## WHAT YOU ARE ASKED TO DO:
Repeat exactly the lines of the entries below from the one with "#158=IFCINDEXEDPOLYGONALFACE((3,4,8,7));" through the one with "#174=IFCSHAPEREPRESENTATION(#33,'Body','Tessellation',(#173));", both ends included, and nothing else.

AVAILABLE RECORDS Block Start

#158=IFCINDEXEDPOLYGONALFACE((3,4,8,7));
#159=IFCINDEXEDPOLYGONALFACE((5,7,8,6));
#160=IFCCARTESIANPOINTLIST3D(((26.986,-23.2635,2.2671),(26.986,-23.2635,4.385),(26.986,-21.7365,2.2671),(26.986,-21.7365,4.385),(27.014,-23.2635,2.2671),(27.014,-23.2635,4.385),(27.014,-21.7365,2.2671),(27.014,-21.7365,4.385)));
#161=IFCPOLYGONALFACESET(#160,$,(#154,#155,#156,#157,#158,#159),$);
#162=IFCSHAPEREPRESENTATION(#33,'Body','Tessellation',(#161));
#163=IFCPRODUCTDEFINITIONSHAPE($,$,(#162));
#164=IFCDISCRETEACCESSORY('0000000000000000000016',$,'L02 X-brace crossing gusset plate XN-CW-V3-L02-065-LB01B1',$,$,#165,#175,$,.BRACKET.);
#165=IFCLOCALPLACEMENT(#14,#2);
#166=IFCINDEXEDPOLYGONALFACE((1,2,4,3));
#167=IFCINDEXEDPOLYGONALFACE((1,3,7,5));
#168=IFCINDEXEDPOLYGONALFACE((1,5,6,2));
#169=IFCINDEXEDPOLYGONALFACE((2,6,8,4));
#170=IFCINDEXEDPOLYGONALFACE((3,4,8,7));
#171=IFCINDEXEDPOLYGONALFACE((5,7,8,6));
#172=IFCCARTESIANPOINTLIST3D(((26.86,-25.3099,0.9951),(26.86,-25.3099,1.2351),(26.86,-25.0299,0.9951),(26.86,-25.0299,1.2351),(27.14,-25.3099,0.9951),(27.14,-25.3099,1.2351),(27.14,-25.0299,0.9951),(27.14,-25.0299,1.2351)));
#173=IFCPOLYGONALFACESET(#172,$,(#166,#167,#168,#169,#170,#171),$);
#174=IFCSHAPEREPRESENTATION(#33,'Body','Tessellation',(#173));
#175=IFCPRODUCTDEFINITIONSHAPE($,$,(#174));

AVAILABLE RECORDS Block End
AVAILABLE RECORDS Block Start

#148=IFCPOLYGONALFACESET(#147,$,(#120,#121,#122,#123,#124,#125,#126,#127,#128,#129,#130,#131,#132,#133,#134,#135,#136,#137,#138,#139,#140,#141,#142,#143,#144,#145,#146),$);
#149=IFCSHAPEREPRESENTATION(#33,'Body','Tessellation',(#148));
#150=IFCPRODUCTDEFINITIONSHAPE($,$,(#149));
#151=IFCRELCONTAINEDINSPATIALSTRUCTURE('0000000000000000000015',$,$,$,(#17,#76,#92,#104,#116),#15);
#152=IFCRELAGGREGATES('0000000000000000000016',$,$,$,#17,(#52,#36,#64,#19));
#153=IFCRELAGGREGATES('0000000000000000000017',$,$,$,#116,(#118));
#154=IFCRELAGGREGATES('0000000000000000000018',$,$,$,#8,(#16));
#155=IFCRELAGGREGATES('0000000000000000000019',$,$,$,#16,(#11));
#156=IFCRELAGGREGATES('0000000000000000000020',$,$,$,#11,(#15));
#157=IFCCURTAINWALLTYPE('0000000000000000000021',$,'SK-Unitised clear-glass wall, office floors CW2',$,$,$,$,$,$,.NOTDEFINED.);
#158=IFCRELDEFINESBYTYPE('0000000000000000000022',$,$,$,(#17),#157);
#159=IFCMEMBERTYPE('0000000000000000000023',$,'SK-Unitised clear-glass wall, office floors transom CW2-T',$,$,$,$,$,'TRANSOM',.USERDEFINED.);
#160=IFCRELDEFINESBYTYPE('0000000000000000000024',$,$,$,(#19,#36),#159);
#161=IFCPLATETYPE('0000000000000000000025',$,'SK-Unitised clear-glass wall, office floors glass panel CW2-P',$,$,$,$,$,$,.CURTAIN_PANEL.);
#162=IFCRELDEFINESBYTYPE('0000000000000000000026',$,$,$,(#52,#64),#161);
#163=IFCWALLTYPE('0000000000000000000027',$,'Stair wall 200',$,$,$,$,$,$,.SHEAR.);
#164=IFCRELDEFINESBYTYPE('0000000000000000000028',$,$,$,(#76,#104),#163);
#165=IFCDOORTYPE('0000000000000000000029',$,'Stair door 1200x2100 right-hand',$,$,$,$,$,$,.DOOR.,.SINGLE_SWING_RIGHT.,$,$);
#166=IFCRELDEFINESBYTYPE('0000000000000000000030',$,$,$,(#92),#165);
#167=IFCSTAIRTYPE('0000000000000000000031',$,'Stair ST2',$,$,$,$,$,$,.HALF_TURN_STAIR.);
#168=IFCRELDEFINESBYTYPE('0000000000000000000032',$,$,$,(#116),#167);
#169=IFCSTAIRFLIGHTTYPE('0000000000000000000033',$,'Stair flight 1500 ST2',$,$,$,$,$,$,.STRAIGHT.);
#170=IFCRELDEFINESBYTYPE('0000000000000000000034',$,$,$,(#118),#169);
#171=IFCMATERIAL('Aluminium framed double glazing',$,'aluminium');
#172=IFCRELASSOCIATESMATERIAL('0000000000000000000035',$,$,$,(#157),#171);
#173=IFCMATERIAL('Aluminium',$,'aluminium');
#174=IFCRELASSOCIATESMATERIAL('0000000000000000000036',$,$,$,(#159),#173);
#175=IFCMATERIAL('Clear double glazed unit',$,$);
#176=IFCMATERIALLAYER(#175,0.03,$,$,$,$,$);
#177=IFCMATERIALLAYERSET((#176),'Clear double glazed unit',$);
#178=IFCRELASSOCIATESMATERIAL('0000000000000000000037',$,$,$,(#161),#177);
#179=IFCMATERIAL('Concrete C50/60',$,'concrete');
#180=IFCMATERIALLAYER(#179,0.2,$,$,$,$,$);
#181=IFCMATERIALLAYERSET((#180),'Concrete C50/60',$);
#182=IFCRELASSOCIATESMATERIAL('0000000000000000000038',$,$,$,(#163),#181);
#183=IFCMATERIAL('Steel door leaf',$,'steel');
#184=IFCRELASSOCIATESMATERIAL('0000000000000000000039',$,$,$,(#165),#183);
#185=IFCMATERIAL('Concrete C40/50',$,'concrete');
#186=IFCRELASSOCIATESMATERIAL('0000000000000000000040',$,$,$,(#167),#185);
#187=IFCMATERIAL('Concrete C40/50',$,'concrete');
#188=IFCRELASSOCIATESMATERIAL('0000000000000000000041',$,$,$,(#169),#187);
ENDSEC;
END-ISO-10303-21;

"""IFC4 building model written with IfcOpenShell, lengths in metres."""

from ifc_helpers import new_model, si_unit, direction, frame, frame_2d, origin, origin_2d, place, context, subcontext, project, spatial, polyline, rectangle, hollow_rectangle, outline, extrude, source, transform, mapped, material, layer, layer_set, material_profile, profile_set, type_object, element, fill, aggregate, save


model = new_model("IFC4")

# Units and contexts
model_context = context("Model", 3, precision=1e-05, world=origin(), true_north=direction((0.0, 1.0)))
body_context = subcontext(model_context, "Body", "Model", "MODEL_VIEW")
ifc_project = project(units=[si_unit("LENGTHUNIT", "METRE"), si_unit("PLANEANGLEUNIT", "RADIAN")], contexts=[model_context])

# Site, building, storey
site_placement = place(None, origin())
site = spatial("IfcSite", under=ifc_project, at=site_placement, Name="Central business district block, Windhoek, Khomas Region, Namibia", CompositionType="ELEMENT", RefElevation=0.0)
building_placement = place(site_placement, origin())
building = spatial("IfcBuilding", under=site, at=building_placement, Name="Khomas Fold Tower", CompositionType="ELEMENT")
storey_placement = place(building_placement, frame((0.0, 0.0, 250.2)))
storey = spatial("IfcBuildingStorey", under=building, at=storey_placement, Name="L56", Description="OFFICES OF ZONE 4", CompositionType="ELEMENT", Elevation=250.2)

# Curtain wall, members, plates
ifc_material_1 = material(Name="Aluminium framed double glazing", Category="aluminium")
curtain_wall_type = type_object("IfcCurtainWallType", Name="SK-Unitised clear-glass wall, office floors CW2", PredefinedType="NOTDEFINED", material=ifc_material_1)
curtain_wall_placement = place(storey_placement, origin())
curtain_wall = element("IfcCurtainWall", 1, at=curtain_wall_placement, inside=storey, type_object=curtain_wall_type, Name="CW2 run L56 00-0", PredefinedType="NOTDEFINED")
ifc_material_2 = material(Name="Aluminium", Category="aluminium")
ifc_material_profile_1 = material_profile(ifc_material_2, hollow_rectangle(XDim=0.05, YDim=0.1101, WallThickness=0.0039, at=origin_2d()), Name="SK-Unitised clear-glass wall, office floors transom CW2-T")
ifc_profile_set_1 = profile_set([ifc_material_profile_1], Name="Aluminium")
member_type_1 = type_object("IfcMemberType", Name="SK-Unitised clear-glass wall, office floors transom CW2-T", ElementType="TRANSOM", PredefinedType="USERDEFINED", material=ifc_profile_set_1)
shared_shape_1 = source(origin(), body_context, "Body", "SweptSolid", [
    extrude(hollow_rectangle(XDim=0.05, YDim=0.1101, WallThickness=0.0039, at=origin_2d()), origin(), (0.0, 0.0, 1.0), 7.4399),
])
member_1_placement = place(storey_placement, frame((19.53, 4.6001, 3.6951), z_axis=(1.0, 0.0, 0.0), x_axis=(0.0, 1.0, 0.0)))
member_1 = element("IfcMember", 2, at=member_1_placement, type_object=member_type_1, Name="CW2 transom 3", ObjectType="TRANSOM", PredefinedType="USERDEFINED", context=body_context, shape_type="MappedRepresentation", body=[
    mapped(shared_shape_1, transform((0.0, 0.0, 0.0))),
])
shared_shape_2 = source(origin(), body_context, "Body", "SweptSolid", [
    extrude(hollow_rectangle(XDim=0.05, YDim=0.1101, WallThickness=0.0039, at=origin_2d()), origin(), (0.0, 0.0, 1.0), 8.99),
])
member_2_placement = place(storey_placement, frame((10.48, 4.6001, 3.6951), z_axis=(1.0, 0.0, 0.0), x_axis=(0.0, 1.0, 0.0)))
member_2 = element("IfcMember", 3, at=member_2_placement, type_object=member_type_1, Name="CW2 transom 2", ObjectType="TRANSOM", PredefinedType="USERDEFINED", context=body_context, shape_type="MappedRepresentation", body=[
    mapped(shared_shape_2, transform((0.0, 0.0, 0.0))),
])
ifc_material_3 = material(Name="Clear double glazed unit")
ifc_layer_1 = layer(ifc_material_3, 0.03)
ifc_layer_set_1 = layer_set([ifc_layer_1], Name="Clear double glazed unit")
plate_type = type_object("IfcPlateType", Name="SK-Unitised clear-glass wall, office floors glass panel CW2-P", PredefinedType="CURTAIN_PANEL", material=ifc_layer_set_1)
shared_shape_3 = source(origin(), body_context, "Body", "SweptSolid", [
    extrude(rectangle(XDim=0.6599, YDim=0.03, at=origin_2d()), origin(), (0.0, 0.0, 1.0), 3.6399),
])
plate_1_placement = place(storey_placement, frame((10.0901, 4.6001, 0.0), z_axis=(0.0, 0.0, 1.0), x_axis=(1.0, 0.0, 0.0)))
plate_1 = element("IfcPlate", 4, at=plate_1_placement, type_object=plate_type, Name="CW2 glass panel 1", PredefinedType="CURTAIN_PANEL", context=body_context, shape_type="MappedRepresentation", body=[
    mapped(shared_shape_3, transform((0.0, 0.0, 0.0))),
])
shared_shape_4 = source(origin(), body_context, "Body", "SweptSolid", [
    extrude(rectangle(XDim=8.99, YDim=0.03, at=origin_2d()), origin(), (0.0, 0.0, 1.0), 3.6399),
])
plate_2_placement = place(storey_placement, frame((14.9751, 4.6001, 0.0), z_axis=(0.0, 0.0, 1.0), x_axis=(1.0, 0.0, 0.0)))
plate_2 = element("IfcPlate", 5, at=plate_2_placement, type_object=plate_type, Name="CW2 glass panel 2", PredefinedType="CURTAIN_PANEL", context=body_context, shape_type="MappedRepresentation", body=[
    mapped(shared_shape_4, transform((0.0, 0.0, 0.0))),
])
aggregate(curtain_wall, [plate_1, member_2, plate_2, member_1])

AVAILABLE RECORDS Block End

## ANSWER FOR THE TASK:
#158=IFCINDEXEDPOLYGONALFACE((3,4,8,7));
#159=IFCINDEXEDPOLYGONALFACE((5,7,8,6));
#160=IFCCARTESIANPOINTLIST3D(((26.986,-23.2635,2.2671),(26.986,-23.2635,4.385),(26.986,-21.7365,2.2671),(26.986,-21.7365,4.385),(27.014,-23.2635,2.2671),(27.014,-23.2635,4.385),(27.014,-21.7365,2.2671),(27.014,-21.7365,4.385)));
#161=IFCPOLYGONALFACESET(#160,$,(#154,#155,#156,#157,#158,#159),$);
#162=IFCSHAPEREPRESENTATION(#33,'Body','Tessellation',(#161));
#163=IFCPRODUCTDEFINITIONSHAPE($,$,(#162));
#164=IFCDISCRETEACCESSORY('0000000000000000000016',$,'L02 X-brace crossing gusset plate XN-CW-V3-L02-065-LB01B1',$,$,#165,#175,$,.BRACKET.);
#165=IFCLOCALPLACEMENT(#14,#2);
#166=IFCINDEXEDPOLYGONALFACE((1,2,4,3));
#167=IFCINDEXEDPOLYGONALFACE((1,3,7,5));
#168=IFCINDEXEDPOLYGONALFACE((1,5,6,2));
#169=IFCINDEXEDPOLYGONALFACE((2,6,8,4));
#170=IFCINDEXEDPOLYGONALFACE((3,4,8,7));
#171=IFCINDEXEDPOLYGONALFACE((5,7,8,6));
#172=IFCCARTESIANPOINTLIST3D(((26.86,-25.3099,0.9951),(26.86,-25.3099,1.2351),(26.86,-25.0299,0.9951),(26.86,-25.0299,1.2351),(27.14,-25.3099,0.9951),(27.14,-25.3099,1.2351),(27.14,-25.0299,0.9951),(27.14,-25.0299,1.2351)));
#173=IFCPOLYGONALFACESET(#172,$,(#166,#167,#168,#169,#170,#171),$);
#174=IFCSHAPEREPRESENTATION(#33,'Body','Tessellation',(#173));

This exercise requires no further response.